(PROBLEM STATEMENT) If a line in the data contains "Tessellation", copy it out.

(DATA SHOWN)
——————————
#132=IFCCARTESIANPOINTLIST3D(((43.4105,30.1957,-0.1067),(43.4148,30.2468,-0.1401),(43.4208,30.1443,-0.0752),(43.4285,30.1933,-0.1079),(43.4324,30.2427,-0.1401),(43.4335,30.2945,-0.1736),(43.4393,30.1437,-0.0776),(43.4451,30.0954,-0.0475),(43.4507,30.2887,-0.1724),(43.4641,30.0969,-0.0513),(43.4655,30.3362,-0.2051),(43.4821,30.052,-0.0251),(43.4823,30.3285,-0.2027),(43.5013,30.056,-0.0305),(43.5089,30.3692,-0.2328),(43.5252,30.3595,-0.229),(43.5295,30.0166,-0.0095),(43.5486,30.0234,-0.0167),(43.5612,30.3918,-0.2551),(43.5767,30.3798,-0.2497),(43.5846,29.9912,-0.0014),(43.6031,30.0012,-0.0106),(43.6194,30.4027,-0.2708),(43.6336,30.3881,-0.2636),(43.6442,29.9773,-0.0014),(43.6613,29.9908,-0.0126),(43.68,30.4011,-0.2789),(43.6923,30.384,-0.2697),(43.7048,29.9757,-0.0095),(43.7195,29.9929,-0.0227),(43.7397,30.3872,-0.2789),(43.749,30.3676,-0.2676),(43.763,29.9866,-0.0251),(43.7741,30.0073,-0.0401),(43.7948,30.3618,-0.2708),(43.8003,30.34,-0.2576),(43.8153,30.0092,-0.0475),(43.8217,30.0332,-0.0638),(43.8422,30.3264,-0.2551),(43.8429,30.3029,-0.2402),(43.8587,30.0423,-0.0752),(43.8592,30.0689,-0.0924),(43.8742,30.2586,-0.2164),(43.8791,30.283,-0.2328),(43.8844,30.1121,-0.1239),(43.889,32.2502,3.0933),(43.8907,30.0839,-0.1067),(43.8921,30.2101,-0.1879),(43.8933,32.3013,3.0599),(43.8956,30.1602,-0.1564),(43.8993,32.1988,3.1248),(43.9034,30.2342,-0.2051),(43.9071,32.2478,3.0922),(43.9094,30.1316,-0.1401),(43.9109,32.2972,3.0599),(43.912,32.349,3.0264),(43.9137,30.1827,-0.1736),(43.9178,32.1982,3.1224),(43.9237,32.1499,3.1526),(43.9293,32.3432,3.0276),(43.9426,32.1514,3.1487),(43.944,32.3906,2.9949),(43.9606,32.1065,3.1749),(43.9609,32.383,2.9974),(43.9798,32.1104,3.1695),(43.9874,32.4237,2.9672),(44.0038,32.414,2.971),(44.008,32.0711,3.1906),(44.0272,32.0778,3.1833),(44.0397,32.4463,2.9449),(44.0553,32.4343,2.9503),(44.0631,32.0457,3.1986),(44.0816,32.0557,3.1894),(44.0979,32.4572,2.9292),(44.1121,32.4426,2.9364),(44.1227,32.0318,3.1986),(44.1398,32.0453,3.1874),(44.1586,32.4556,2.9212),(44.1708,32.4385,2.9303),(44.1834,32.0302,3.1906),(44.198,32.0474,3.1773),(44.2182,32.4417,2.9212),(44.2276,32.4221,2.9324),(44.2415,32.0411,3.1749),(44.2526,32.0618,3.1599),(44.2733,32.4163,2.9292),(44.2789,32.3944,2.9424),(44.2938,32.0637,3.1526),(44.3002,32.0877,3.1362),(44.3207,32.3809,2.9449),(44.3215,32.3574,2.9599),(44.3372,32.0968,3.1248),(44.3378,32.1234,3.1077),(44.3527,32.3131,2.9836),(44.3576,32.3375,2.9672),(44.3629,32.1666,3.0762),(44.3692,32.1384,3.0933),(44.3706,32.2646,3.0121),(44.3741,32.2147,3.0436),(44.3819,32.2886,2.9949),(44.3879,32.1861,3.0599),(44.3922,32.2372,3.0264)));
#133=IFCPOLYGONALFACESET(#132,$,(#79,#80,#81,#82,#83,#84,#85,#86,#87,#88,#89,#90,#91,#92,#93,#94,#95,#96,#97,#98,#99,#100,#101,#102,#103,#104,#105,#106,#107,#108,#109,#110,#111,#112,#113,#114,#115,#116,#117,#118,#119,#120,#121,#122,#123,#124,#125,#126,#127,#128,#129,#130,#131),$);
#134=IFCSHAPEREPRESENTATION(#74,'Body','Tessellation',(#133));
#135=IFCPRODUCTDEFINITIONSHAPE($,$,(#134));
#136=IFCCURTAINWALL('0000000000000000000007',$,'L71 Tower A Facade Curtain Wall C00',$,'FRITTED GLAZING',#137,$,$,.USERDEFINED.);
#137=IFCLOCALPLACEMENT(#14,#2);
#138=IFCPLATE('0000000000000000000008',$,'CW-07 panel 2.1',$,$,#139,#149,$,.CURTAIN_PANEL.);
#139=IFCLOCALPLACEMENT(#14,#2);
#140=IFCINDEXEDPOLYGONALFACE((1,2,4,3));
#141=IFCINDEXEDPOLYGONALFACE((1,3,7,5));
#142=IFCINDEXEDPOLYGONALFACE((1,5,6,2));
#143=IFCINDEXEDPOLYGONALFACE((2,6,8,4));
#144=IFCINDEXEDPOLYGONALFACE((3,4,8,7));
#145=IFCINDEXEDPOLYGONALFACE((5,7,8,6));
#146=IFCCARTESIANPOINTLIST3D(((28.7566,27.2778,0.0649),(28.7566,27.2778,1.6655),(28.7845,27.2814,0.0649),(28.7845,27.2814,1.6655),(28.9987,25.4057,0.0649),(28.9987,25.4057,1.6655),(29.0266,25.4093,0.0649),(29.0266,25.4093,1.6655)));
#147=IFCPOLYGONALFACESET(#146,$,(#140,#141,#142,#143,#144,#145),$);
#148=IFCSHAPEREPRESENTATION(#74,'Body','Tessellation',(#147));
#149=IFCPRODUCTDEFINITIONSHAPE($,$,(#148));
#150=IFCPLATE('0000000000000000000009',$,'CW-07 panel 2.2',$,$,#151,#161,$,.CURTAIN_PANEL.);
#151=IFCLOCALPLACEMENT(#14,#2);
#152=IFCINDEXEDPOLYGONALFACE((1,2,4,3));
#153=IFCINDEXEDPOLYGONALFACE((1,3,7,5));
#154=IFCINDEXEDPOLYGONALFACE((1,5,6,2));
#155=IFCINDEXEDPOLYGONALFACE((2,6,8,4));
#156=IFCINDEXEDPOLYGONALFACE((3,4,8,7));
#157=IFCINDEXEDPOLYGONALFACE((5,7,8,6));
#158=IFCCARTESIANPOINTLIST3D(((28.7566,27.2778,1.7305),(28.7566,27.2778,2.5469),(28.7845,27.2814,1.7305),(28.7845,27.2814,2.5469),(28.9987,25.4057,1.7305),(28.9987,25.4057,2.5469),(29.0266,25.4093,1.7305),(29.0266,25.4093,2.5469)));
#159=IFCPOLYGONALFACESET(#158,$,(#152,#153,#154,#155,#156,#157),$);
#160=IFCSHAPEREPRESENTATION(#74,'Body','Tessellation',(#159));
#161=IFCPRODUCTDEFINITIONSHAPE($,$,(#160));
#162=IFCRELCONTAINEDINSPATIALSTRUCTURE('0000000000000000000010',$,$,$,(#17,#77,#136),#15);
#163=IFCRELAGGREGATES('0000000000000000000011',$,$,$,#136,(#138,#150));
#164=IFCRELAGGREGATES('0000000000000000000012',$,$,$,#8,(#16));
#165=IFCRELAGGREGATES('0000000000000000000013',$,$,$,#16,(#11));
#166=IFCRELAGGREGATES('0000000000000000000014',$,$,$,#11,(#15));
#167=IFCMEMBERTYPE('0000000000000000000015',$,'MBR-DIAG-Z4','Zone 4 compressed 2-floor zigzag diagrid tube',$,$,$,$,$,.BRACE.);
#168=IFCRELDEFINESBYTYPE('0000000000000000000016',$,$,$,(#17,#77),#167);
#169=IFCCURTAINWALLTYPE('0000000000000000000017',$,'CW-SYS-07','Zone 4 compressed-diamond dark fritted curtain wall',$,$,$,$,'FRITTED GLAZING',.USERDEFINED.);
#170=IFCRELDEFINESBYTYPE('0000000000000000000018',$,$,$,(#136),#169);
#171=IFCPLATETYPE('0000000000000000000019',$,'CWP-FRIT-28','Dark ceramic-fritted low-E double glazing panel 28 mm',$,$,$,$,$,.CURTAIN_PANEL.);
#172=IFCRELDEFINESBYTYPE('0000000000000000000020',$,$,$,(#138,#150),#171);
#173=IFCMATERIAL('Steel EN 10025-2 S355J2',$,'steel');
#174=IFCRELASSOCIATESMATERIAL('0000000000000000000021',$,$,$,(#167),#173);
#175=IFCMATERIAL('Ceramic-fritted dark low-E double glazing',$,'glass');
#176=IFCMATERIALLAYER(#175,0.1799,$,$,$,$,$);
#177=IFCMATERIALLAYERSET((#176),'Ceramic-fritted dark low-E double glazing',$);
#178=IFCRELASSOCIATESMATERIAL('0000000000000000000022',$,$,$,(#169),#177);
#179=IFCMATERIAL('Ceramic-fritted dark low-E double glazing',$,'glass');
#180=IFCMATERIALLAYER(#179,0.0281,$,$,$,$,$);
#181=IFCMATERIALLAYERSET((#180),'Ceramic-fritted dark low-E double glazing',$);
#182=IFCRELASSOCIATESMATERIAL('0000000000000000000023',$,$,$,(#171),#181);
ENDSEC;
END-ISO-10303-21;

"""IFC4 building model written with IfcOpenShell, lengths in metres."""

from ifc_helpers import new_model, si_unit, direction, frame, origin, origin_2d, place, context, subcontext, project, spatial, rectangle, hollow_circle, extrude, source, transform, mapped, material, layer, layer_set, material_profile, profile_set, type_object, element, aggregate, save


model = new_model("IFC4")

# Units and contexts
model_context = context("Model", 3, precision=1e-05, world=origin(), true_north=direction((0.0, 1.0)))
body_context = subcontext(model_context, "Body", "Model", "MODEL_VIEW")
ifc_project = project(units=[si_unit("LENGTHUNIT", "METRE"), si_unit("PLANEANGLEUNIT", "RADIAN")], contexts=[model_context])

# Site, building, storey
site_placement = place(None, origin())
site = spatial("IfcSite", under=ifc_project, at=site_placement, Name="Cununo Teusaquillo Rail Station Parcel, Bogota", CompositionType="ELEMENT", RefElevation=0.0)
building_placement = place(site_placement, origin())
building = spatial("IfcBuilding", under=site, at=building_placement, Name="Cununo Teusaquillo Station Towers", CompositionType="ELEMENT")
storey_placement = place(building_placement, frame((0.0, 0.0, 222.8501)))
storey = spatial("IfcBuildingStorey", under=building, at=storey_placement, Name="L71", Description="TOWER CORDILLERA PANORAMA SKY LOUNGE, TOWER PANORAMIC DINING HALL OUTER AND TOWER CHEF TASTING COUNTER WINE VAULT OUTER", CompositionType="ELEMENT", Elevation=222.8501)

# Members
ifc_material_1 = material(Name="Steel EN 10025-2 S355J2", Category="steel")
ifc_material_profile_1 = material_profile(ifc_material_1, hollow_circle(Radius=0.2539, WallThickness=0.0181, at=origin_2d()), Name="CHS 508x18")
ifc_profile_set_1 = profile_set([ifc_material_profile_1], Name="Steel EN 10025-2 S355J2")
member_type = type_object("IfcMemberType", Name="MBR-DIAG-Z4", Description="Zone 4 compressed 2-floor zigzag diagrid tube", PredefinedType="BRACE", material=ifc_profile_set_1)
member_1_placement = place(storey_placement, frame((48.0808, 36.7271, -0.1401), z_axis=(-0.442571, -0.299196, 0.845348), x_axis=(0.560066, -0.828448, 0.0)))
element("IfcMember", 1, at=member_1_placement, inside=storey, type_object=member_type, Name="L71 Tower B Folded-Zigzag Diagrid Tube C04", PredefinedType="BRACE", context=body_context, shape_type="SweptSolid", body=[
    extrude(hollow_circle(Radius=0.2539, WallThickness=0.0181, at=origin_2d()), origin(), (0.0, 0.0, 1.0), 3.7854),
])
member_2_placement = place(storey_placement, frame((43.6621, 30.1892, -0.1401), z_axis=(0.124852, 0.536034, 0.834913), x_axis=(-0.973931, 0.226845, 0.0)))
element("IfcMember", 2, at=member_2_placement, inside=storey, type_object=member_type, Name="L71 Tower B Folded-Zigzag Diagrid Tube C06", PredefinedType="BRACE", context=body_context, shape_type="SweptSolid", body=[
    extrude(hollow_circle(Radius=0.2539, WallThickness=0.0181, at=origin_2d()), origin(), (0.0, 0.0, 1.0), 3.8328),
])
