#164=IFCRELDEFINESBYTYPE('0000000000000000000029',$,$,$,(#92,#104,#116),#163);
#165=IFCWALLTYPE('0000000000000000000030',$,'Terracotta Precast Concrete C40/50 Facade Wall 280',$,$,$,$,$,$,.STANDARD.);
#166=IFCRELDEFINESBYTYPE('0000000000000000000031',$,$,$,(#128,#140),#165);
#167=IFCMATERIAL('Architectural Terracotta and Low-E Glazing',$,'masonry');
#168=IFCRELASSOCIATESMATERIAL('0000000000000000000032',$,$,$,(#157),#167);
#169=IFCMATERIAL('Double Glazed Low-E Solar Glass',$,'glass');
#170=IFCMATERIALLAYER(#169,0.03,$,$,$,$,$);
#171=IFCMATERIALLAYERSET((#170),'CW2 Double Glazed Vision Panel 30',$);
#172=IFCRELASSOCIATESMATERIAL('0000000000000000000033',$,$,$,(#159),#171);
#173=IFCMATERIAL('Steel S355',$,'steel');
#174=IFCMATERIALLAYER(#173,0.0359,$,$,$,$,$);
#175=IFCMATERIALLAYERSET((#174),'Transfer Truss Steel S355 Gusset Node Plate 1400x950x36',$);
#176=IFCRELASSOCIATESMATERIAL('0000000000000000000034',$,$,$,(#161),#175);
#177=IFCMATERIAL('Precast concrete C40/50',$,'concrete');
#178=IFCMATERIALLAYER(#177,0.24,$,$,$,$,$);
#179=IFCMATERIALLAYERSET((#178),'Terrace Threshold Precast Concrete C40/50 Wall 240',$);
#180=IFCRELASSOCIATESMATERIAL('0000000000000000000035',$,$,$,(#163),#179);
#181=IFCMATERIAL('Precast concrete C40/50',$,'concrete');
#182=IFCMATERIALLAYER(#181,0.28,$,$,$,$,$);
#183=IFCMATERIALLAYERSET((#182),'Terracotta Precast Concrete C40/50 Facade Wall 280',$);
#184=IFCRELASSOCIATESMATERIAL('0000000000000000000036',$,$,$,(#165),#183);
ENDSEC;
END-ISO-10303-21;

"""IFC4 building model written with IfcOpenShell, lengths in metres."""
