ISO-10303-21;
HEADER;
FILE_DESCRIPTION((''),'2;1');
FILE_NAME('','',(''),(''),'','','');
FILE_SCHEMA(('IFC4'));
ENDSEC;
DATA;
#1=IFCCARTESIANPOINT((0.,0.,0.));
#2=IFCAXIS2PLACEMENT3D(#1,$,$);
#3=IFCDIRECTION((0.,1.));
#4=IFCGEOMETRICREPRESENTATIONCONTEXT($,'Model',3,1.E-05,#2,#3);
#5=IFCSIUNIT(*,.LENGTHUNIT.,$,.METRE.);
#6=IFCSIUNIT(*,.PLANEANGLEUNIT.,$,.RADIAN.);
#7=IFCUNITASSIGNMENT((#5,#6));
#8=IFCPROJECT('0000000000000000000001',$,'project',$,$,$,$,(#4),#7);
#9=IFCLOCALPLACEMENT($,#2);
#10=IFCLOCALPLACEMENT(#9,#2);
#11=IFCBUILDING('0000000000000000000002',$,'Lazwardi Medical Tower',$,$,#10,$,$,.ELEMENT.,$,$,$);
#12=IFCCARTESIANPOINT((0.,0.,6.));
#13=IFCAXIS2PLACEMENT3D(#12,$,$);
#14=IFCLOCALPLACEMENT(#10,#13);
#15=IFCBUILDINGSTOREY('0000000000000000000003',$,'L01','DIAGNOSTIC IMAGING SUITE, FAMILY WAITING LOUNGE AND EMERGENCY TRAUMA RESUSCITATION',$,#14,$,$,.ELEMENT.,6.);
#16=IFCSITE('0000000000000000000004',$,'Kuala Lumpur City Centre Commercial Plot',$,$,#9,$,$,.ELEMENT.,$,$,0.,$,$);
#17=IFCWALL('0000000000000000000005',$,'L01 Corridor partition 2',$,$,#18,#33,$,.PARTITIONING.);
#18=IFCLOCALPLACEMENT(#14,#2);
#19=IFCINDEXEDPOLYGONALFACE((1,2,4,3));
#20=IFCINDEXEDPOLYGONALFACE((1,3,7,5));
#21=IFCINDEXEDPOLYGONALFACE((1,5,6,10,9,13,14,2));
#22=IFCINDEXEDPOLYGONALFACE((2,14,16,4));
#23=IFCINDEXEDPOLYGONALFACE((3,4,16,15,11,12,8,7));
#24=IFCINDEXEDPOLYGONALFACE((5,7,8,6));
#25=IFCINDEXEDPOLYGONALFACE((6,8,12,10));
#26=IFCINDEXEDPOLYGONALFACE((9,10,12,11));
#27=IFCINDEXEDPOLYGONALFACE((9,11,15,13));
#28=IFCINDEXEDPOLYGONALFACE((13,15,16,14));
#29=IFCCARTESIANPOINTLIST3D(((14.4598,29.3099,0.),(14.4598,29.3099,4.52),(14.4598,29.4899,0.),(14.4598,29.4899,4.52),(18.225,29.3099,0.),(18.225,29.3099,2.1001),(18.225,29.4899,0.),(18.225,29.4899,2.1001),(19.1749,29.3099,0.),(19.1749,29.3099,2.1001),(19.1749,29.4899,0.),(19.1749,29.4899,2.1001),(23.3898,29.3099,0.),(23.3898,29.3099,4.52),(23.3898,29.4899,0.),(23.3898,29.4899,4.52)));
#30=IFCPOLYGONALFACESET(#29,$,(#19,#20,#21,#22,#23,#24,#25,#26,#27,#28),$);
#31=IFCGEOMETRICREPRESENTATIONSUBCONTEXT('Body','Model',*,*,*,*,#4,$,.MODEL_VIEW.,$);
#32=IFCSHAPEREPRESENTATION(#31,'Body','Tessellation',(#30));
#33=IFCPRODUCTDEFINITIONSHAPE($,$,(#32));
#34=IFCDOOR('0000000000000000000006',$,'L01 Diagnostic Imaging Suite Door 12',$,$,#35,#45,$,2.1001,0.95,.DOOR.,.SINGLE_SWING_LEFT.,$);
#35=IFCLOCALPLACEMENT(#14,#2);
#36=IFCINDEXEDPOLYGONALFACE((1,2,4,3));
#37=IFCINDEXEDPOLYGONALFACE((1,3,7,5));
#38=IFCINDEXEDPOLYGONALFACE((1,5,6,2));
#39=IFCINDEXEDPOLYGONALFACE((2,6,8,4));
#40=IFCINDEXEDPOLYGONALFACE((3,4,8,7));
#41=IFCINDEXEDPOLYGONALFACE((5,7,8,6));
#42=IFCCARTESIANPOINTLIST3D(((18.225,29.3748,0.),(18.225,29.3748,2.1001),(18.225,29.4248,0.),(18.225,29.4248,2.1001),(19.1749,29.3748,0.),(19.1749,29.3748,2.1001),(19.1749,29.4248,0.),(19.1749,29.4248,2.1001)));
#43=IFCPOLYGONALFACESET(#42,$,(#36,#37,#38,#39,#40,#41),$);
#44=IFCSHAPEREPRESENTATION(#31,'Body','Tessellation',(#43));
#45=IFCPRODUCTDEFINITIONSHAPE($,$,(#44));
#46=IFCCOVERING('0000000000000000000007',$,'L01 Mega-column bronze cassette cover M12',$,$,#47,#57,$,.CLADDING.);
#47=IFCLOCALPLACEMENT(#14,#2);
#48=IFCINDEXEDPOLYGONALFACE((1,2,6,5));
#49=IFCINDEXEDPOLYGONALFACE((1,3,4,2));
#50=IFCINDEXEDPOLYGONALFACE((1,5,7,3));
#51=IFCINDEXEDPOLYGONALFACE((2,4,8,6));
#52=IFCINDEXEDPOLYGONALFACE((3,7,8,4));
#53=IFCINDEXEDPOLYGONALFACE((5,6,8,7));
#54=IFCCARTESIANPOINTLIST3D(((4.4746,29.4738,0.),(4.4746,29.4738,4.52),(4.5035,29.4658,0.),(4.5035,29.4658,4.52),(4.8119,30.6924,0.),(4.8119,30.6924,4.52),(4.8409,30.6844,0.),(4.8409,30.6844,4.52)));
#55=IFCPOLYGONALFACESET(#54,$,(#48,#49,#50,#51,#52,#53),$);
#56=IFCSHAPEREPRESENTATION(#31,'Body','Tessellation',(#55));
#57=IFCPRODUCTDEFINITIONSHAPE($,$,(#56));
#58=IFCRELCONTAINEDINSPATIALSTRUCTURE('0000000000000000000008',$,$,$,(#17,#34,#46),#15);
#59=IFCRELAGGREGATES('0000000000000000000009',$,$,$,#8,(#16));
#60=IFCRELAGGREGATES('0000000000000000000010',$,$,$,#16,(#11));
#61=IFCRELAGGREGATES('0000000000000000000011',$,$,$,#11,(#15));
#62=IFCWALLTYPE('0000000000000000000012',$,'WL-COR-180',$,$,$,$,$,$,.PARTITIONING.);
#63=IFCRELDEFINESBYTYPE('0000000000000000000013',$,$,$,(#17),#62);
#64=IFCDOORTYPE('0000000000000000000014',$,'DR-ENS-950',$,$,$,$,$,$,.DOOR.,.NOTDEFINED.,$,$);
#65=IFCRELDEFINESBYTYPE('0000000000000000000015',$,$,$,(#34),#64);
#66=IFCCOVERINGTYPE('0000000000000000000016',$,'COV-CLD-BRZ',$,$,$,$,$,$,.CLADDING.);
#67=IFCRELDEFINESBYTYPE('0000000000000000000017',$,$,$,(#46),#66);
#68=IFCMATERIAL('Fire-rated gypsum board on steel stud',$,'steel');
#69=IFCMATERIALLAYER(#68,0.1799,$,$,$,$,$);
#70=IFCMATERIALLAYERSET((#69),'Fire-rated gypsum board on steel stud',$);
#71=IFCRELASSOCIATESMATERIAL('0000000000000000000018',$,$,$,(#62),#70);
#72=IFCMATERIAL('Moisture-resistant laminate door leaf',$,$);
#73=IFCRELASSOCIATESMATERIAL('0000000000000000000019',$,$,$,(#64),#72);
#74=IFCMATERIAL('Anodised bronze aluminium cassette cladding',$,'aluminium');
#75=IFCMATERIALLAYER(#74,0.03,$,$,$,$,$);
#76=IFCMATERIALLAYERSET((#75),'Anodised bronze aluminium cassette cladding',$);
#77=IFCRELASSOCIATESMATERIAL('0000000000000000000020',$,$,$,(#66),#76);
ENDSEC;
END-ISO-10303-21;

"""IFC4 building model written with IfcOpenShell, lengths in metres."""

from ifc_helpers import new_model, si_unit, direction, frame, frame_2d, origin, origin_2d, place, context, subcontext, project, spatial, rectangle, extrude, material, layer, layer_set, type_object, element, fill, save


model = new_model("IFC4")

# Units and contexts
model_context = context("Model", 3, precision=1e-05, world=origin(), true_north=direction((0.0, 1.0)))
body_context = subcontext(model_context, "Body", "Model", "MODEL_VIEW")
ifc_project = project(units=[si_unit("LENGTHUNIT", "METRE"), si_unit("PLANEANGLEUNIT", "RADIAN")], contexts=[model_context])

# Site, building, storey
site_placement = place(None, origin())
site = spatial("IfcSite", under=ifc_project, at=site_placement, Name="Kuala Lumpur City Centre Commercial Plot", CompositionType="ELEMENT", RefElevation=0.0)
building_placement = place(site_placement, origin())
building = spatial("IfcBuilding", under=site, at=building_placement, Name="Lazwardi Medical Tower", CompositionType="ELEMENT")
storey_placement = place(building_placement, frame((0.0, 0.0, 6.0)))
storey = spatial("IfcBuildingStorey", under=building, at=storey_placement, Name="L01", Description="DIAGNOSTIC IMAGING SUITE, FAMILY WAITING LOUNGE AND EMERGENCY TRAUMA RESUSCITATION", CompositionType="ELEMENT", Elevation=6.0)

# Wall, opening, door
ifc_material_1 = material(Name="Fire-rated gypsum board on steel stud", Category="steel")
ifc_layer_1 = layer(ifc_material_1, 0.1799)
ifc_layer_set_1 = layer_set([ifc_layer_1], Name="Fire-rated gypsum board on steel stud")
wall_type = type_object("IfcWallType", Name="WL-COR-180", PredefinedType="PARTITIONING", material=ifc_layer_set_1)
wall_placement = place(storey_placement, frame((14.46, 29.3999, 0.0), z_axis=(0.0, 0.0, 1.0), x_axis=(1.0, 0.0, 0.0)))
wall = element("IfcWall", 1, at=wall_placement, inside=storey, type_object=wall_type, Name="L01 Corridor partition 2", PredefinedType="PARTITIONING", context=body_context, shape_type="SweptSolid", body=[
    extrude(rectangle(XDim=8.9299, YDim=0.1799, at=frame_2d((4.4648, 0.0))), origin(), (0.0, 0.0, 1.0), 4.52),
])
opening_placement = place(wall_placement, frame((3.7649, 0.0, 0.0)))
opening = element("IfcOpeningElement", 2, at=opening_placement, cuts=wall, PredefinedType="OPENING", context=body_context, shape_type="SweptSolid", body=[
    extrude(rectangle(XDim=0.95, YDim=2.1001, at=frame_2d((0.4751, 1.05))), frame((0.0, 0.0999, 0.0), z_axis=(0.0, -1.0, 0.0), x_axis=(1.0, 0.0, 0.0)), (0.0, 0.0, 1.0), 0.2),
])
ifc_material_2 = material(Name="Moisture-resistant laminate door leaf")
door_type = type_object("IfcDoorType", Name="DR-ENS-950", OperationType="NOTDEFINED", PredefinedType="DOOR", material=ifc_material_2)
door_placement = place(opening_placement, origin())
door = element("IfcDoor", 3, at=door_placement, inside=storey, type_object=door_type, Name="L01 Diagnostic Imaging Suite Door 12", OperationType="SINGLE_SWING_LEFT", OverallHeight=2.1001, OverallWidth=0.95, PredefinedType="DOOR", context=body_context, shape_type="SweptSolid", body=[
    extrude(rectangle(XDim=0.95, YDim=2.1001, at=frame_2d((0.4751, 1.05))), frame((0.0, 0.0249, 0.0), z_axis=(0.0, -1.0, 0.0), x_axis=(1.0, 0.0, 0.0)), (0.0, 0.0, 1.0), 0.05),
])
fill(opening, door)

# Covering
ifc_material_3 = material(Name="Anodised bronze aluminium cassette cladding", Category="aluminium")
ifc_layer_2 = layer(ifc_material_3, 0.03)
ifc_layer_set_2 = layer_set([ifc_layer_2], Name="Anodised bronze aluminium cassette cladding")
covering_type = type_object("IfcCoveringType", Name="COV-CLD-BRZ", PredefinedType="CLADDING", material=ifc_layer_set_2)
covering_placement = place(storey_placement, frame((4.6577, 30.0791, 0.0), z_axis=(0.0, 0.0, 1.0), x_axis=(-0.266836, -0.963742, 0.0)))
element("IfcCovering", 4, at=covering_placement, inside=storey, type_object=covering_type, Name="L01 Mega-column bronze cassette cover M12", PredefinedType="CLADDING", context=body_context, shape_type="SweptSolid", body=[
    extrude(rectangle(XDim=1.2644, YDim=0.03, at=origin_2d()), origin(), (0.0, 0.0, 1.0), 4.52),
])

save(model, "model.ifc")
——————————
(RESULT FOR THIS TASK)
#134=IFCSHAPEREPRESENTATION(#74,'Body','Tessellation',(#133));
#148=IFCSHAPEREPRESENTATION(#74,'Body','Tessellation',(#147));
#160=IFCSHAPEREPRESENTATION(#74,'Body','Tessellation',(#159));
#32=IFCSHAPEREPRESENTATION(#31,'Body','Tessellation',(#30));
#44=IFCSHAPEREPRESENTATION(#31,'Body','Tessellation',(#43));
#56=IFCSHAPEREPRESENTATION(#31,'Body','Tessellation',(#55));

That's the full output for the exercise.